[Collected data entries]
------
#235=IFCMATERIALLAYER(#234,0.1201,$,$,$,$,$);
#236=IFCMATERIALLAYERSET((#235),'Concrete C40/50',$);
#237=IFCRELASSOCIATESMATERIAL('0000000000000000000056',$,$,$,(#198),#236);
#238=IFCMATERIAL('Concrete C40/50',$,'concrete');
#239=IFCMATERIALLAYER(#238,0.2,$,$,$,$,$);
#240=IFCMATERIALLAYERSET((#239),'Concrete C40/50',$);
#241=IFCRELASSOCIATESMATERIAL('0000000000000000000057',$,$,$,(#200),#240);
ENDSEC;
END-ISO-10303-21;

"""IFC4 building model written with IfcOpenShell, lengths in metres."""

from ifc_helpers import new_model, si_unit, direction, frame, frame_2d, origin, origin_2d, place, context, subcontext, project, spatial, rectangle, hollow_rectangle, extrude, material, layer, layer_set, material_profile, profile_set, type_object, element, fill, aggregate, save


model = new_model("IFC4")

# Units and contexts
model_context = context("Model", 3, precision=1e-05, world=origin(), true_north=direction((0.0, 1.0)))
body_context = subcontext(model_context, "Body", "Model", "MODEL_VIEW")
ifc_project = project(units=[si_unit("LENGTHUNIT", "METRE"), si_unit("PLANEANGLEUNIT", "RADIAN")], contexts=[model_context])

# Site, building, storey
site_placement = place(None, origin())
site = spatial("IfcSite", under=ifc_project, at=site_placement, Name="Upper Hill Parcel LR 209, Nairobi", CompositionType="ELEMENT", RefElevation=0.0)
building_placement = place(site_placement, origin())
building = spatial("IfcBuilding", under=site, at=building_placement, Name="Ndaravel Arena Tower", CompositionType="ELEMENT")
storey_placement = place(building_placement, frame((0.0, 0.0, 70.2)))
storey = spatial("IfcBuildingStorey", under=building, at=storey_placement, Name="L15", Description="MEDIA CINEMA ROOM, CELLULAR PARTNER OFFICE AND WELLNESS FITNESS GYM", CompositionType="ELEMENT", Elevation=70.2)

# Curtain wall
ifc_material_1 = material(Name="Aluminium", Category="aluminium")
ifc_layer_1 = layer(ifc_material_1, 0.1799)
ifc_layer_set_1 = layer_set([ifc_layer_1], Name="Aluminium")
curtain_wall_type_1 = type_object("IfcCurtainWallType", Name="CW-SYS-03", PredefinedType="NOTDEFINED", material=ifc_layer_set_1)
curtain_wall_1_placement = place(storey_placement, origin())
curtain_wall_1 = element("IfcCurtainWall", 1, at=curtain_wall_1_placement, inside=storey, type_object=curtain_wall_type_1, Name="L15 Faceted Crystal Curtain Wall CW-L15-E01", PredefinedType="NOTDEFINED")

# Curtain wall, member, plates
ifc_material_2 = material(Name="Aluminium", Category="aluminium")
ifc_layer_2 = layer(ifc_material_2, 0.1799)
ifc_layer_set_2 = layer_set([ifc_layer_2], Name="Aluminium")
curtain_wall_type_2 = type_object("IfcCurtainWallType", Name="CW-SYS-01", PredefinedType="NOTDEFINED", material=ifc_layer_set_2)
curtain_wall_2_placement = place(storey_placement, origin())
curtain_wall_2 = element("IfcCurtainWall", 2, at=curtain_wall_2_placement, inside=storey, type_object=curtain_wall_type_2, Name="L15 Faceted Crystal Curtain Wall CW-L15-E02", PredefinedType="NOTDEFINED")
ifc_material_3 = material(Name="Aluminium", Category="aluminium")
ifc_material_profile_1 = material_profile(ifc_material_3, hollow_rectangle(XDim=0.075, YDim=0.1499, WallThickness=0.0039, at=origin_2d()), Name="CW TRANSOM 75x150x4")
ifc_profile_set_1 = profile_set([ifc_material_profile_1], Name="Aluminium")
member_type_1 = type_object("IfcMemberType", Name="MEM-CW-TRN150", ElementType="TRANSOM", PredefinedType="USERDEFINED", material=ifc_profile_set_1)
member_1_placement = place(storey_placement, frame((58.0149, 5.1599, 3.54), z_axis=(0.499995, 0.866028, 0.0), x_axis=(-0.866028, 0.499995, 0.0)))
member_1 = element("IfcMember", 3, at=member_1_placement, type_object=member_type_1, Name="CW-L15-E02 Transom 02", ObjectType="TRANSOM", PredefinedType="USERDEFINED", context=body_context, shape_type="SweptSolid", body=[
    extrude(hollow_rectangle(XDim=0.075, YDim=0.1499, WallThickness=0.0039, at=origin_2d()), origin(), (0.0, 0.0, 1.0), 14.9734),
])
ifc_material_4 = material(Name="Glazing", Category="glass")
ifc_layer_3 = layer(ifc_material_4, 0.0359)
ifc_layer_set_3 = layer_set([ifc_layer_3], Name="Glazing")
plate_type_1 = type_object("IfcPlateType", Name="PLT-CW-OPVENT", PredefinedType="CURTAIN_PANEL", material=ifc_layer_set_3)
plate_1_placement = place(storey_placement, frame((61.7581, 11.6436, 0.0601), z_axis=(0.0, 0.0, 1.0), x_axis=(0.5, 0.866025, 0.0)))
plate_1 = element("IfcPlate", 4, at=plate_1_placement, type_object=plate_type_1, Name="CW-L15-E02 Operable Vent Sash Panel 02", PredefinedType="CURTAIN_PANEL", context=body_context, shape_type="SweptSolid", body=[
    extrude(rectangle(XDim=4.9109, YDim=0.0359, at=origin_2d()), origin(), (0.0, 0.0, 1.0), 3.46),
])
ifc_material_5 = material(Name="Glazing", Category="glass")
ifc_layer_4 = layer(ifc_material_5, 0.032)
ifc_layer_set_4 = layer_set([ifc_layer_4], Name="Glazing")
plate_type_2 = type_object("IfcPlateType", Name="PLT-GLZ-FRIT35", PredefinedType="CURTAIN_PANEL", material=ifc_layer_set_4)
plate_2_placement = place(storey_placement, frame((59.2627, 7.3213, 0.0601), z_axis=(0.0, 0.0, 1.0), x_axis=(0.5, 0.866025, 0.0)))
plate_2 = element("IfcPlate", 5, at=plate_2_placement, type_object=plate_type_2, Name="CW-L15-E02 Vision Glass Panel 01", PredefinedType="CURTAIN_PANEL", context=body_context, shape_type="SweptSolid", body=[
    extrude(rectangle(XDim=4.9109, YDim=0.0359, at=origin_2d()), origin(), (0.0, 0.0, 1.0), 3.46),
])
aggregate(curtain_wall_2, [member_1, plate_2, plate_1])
------
Work order - Copy out, from the data above, every line holding the word "WallThickness".

Reply -
ifc_material_profile_1 = material_profile(ifc_material_3, hollow_rectangle(XDim=0.075, YDim=0.1499, WallThickness=0.0039, at=origin_2d()), Name="CW TRANSOM 75x150x4")
    extrude(hollow_rectangle(XDim=0.075, YDim=0.1499, WallThickness=0.0039, at=origin_2d()), origin(), (0.0, 0.0, 1.0), 14.9734),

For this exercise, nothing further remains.